Source records:
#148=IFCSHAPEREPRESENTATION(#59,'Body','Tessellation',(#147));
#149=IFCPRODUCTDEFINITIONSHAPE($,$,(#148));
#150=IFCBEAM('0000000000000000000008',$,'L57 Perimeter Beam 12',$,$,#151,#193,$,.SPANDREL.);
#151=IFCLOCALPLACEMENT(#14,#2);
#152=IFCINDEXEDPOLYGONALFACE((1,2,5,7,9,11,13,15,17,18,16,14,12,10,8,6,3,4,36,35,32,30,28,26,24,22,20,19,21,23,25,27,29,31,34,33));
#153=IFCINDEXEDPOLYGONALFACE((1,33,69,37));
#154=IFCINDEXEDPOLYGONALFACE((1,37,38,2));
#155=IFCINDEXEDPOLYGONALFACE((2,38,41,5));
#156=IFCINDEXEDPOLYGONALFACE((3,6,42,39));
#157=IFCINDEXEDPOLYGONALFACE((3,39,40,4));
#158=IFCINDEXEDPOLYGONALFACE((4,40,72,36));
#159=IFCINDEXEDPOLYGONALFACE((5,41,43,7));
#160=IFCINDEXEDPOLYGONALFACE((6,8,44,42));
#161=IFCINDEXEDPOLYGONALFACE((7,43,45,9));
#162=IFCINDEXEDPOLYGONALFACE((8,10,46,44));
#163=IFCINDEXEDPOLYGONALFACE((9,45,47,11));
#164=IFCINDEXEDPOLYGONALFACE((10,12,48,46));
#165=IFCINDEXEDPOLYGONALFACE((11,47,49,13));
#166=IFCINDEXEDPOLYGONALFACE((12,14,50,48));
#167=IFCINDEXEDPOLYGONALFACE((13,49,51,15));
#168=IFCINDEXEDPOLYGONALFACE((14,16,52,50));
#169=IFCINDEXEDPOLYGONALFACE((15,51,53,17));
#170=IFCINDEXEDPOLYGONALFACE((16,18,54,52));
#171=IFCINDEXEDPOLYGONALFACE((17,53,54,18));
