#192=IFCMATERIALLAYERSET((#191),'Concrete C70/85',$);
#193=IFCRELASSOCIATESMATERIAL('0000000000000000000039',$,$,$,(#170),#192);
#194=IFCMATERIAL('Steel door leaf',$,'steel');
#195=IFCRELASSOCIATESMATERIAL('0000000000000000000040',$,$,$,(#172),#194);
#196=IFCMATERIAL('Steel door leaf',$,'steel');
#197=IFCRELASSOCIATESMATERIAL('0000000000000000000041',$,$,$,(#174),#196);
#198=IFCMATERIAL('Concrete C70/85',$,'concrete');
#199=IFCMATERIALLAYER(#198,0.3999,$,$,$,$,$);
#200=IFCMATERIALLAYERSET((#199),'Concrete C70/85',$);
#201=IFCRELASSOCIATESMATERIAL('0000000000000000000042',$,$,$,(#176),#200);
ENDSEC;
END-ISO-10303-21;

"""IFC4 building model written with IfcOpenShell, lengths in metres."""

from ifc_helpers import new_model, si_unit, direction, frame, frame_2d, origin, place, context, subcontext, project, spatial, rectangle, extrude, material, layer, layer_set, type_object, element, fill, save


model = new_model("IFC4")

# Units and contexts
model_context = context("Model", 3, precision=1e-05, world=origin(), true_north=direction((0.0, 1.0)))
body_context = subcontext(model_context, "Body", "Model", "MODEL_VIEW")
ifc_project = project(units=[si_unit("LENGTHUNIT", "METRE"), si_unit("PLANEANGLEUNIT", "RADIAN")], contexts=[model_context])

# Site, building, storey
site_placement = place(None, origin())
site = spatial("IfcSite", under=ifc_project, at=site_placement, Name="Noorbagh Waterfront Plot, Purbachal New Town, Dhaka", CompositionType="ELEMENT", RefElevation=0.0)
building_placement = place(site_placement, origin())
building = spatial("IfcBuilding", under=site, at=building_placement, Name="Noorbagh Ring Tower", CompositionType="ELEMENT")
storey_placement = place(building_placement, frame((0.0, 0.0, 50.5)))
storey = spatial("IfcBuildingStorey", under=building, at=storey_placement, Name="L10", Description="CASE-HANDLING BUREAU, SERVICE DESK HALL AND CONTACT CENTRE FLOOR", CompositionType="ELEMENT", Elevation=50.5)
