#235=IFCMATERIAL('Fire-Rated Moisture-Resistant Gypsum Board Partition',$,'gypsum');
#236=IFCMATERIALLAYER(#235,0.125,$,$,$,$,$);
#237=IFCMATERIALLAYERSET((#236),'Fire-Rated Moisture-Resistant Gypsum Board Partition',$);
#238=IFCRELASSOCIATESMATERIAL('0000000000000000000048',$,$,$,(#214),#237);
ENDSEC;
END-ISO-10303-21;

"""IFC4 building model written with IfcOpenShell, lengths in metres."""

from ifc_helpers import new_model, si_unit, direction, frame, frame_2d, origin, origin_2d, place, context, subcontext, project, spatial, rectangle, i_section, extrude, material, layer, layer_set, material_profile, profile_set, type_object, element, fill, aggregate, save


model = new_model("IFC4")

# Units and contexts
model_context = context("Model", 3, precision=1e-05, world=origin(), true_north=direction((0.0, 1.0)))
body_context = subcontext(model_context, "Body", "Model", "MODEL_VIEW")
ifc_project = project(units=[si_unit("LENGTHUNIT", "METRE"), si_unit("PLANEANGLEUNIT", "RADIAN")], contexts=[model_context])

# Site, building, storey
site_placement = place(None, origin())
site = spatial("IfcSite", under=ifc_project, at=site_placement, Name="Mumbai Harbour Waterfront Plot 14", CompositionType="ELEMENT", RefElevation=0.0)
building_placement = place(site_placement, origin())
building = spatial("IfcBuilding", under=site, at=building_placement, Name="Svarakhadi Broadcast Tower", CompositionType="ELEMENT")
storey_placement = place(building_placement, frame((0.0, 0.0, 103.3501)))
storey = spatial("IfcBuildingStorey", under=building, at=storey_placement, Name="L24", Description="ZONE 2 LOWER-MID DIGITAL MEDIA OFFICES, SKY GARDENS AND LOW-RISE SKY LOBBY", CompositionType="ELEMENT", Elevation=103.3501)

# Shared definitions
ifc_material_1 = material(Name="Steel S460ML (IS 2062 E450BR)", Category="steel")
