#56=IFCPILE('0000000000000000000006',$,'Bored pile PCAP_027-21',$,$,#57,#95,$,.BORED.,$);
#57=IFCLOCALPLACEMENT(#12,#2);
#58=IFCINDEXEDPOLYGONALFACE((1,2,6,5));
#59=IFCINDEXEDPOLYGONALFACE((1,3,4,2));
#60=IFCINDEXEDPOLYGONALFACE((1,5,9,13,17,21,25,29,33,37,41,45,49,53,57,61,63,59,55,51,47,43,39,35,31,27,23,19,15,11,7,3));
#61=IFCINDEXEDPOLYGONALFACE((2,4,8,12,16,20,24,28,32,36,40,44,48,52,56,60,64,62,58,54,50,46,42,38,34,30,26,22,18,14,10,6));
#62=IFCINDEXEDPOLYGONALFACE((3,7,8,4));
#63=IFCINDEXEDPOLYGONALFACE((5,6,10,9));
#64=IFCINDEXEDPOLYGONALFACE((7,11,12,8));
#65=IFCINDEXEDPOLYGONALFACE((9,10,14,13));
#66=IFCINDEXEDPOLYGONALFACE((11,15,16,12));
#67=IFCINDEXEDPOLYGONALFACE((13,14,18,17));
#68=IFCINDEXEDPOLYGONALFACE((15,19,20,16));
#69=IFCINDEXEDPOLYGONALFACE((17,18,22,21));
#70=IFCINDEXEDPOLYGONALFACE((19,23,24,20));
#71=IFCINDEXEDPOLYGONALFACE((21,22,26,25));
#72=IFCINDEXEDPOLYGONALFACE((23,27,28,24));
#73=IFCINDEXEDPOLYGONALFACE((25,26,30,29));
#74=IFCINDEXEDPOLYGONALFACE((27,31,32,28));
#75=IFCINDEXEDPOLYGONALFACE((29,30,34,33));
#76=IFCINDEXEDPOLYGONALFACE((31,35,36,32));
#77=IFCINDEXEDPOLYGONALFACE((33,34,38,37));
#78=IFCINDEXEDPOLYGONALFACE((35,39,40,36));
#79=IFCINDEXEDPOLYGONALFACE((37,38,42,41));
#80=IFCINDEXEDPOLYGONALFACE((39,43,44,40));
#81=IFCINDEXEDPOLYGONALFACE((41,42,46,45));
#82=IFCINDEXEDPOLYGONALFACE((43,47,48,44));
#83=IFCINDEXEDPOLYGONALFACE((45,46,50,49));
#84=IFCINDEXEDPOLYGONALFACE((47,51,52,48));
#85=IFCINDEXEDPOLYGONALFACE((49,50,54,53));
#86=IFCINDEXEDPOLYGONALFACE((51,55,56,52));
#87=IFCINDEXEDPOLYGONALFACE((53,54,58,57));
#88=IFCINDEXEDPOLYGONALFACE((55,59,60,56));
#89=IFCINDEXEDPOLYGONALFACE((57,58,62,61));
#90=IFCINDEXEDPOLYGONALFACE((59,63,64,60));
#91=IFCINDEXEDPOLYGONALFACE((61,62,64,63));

> TASK
Would you print exactly the lines from the first line of the entries above through the line that has "#166=IFCINDEXEDPOLYGONALFACE((12,14,50,48));", both included, and stop there?

> EXERCISE RESPONSE
#148=IFCSHAPEREPRESENTATION(#59,'Body','Tessellation',(#147));
#149=IFCPRODUCTDEFINITIONSHAPE($,$,(#148));
#150=IFCBEAM('0000000000000000000008',$,'L57 Perimeter Beam 12',$,$,#151,#193,$,.SPANDREL.);
#151=IFCLOCALPLACEMENT(#14,#2);
#152=IFCINDEXEDPOLYGONALFACE((1,2,5,7,9,11,13,15,17,18,16,14,12,10,8,6,3,4,36,35,32,30,28,26,24,22,20,19,21,23,25,27,29,31,34,33));
#153=IFCINDEXEDPOLYGONALFACE((1,33,69,37));
#154=IFCINDEXEDPOLYGONALFACE((1,37,38,2));
#155=IFCINDEXEDPOLYGONALFACE((2,38,41,5));
#156=IFCINDEXEDPOLYGONALFACE((3,6,42,39));
#157=IFCINDEXEDPOLYGONALFACE((3,39,40,4));
#158=IFCINDEXEDPOLYGONALFACE((4,40,72,36));
#159=IFCINDEXEDPOLYGONALFACE((5,41,43,7));
#160=IFCINDEXEDPOLYGONALFACE((6,8,44,42));
#161=IFCINDEXEDPOLYGONALFACE((7,43,45,9));
#162=IFCINDEXEDPOLYGONALFACE((8,10,46,44));
#163=IFCINDEXEDPOLYGONALFACE((9,45,47,11));
#164=IFCINDEXEDPOLYGONALFACE((10,12,48,46));
#165=IFCINDEXEDPOLYGONALFACE((11,47,49,13));
#166=IFCINDEXEDPOLYGONALFACE((12,14,50,48));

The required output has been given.